◆ INPUT:
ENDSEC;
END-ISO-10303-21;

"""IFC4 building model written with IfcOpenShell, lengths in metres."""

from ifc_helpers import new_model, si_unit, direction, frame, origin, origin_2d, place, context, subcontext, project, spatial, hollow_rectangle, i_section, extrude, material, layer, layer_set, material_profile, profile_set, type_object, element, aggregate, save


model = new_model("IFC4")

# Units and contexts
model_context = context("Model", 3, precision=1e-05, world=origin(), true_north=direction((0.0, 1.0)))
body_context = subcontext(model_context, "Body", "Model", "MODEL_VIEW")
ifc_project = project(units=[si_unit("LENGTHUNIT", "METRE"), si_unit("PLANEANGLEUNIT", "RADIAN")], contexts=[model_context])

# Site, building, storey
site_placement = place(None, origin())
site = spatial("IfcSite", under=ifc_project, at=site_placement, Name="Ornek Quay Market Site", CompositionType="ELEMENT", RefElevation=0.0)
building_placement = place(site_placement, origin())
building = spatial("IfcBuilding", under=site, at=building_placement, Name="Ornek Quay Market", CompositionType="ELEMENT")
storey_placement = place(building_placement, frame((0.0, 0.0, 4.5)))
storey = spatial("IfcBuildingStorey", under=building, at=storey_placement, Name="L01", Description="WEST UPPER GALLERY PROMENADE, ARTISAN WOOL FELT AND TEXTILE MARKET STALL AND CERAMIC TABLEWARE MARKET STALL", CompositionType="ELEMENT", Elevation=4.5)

---

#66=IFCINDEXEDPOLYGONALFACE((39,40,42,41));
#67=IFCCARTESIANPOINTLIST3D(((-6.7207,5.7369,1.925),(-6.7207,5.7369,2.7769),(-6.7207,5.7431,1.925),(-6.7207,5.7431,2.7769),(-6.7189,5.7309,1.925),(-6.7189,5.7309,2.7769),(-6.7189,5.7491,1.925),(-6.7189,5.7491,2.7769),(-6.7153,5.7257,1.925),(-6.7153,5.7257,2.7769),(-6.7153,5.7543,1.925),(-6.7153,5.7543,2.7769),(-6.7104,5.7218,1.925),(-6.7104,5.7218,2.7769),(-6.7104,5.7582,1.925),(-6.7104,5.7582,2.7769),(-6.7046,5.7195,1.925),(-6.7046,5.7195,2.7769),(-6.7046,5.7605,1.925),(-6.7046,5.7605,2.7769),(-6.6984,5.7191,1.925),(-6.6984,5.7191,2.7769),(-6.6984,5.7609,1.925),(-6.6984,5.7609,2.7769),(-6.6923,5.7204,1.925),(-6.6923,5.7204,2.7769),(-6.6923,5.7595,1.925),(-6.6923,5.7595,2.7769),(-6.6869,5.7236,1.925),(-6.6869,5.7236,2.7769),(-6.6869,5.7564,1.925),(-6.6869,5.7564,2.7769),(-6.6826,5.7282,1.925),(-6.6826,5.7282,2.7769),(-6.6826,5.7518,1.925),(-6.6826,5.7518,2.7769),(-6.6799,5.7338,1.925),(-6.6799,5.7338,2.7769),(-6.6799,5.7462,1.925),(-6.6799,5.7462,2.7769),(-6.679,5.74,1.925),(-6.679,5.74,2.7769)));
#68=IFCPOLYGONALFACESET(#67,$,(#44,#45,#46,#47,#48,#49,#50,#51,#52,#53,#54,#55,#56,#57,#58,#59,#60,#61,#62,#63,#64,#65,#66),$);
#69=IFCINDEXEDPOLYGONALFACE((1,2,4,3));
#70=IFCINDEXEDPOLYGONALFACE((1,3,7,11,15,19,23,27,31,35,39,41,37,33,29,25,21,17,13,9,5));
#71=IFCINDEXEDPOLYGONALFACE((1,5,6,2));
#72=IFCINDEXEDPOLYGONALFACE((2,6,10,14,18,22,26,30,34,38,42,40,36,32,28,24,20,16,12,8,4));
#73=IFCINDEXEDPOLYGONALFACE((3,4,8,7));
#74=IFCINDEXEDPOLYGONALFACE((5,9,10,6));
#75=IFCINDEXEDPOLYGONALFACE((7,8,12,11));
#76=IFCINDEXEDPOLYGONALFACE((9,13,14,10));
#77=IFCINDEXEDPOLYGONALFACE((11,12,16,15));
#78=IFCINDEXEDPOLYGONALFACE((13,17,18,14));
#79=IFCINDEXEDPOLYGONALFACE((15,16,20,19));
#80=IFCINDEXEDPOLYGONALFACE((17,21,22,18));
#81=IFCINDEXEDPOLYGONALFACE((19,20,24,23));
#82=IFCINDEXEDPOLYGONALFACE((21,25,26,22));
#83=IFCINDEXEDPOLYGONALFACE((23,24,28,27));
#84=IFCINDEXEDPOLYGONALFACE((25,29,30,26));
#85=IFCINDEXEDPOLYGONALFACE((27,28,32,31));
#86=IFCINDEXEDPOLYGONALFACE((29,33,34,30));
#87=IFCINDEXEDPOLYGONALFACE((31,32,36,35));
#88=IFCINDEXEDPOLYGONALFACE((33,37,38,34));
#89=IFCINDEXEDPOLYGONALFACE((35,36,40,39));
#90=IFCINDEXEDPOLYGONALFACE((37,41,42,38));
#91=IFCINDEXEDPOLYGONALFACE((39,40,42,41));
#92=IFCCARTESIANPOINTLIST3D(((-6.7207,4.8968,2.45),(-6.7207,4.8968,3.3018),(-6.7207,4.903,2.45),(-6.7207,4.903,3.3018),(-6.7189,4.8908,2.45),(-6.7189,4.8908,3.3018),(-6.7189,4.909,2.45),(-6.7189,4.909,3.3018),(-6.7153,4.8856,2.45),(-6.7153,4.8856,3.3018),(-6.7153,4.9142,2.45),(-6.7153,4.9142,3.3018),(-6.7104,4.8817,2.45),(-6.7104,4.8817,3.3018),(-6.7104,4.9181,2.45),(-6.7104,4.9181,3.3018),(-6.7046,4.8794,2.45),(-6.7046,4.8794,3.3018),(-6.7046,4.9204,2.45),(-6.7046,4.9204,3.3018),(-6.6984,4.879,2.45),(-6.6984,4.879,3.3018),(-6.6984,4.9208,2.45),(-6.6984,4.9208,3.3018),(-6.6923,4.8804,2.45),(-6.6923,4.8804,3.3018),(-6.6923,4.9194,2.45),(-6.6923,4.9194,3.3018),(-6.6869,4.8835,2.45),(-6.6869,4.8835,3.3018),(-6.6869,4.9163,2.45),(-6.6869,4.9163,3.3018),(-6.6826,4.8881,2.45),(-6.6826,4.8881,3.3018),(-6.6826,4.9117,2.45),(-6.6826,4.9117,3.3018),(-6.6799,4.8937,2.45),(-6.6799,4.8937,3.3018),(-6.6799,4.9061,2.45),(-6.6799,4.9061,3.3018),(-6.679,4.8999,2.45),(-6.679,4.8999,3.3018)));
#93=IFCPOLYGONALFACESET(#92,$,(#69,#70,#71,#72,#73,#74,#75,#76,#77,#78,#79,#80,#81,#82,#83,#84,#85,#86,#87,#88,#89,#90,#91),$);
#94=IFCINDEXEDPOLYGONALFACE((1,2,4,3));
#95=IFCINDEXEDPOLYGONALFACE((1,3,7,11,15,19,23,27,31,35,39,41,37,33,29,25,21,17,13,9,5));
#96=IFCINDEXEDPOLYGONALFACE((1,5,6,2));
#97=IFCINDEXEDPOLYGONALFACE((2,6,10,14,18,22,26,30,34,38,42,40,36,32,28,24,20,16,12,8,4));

◆ PROBLEM REQUIREMENTS:
Filter the entries down to the lines holding the string "direction". Copy each of those lines.

◆ SOLUTION FOR THIS EXERCISE:
from ifc_helpers import new_model, si_unit, direction, frame, origin, origin_2d, place, context, subcontext, project, spatial, hollow_rectangle, i_section, extrude, material, layer, layer_set, material_profile, profile_set, type_object, element, aggregate, save
model_context = context("Model", 3, precision=1e-05, world=origin(), true_north=direction((0.0, 1.0)))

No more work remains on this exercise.